_Problem to solve_
Copy the records. Keep every line exactly as it is.

_Records_
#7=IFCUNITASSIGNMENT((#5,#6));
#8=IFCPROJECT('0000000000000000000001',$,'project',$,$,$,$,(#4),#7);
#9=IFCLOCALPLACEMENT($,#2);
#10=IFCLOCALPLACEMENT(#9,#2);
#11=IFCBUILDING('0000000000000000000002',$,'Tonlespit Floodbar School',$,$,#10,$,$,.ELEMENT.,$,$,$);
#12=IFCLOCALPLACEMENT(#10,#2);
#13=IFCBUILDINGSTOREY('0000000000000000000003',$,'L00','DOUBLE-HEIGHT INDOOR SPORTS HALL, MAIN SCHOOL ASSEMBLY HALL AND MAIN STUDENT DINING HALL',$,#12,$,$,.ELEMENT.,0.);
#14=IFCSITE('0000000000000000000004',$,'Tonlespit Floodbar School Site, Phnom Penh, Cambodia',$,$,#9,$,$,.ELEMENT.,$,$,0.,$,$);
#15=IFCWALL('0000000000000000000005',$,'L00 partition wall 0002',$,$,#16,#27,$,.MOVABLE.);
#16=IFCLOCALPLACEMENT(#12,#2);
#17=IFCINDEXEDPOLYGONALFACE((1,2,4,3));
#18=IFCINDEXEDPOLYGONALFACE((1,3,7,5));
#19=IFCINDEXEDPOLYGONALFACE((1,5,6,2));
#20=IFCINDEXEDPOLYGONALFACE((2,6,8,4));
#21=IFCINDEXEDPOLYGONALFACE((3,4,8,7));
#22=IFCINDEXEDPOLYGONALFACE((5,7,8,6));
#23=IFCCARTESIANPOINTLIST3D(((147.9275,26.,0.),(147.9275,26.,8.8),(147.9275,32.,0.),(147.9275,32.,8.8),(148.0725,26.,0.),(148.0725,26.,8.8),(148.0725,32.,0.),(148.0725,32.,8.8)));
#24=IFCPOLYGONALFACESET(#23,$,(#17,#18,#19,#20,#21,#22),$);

_Answer to this problem_
#7=IFCUNITASSIGNMENT((#5,#6));
#8=IFCPROJECT('0000000000000000000001',$,'project',$,$,$,$,(#4),#7);
#9=IFCLOCALPLACEMENT($,#2);
#10=IFCLOCALPLACEMENT(#9,#2);
#11=IFCBUILDING('0000000000000000000002',$,'Tonlespit Floodbar School',$,$,#10,$,$,.ELEMENT.,$,$,$);
#12=IFCLOCALPLACEMENT(#10,#2);
#13=IFCBUILDINGSTOREY('0000000000000000000003',$,'L00','DOUBLE-HEIGHT INDOOR SPORTS HALL, MAIN SCHOOL ASSEMBLY HALL AND MAIN STUDENT DINING HALL',$,#12,$,$,.ELEMENT.,0.);
#14=IFCSITE('0000000000000000000004',$,'Tonlespit Floodbar School Site, Phnom Penh, Cambodia',$,$,#9,$,$,.ELEMENT.,$,$,0.,$,$);
#15=IFCWALL('0000000000000000000005',$,'L00 partition wall 0002',$,$,#16,#27,$,.MOVABLE.);
#16=IFCLOCALPLACEMENT(#12,#2);
#17=IFCINDEXEDPOLYGONALFACE((1,2,4,3));
#18=IFCINDEXEDPOLYGONALFACE((1,3,7,5));
#19=IFCINDEXEDPOLYGONALFACE((1,5,6,2));
#20=IFCINDEXEDPOLYGONALFACE((2,6,8,4));
#21=IFCINDEXEDPOLYGONALFACE((3,4,8,7));
#22=IFCINDEXEDPOLYGONALFACE((5,7,8,6));
#23=IFCCARTESIANPOINTLIST3D(((147.9275,26.,0.),(147.9275,26.,8.8),(147.9275,32.,0.),(147.9275,32.,8.8),(148.0725,26.,0.),(148.0725,26.,8.8),(148.0725,32.,0.),(148.0725,32.,8.8)));
#24=IFCPOLYGONALFACESET(#23,$,(#17,#18,#19,#20,#21,#22),$);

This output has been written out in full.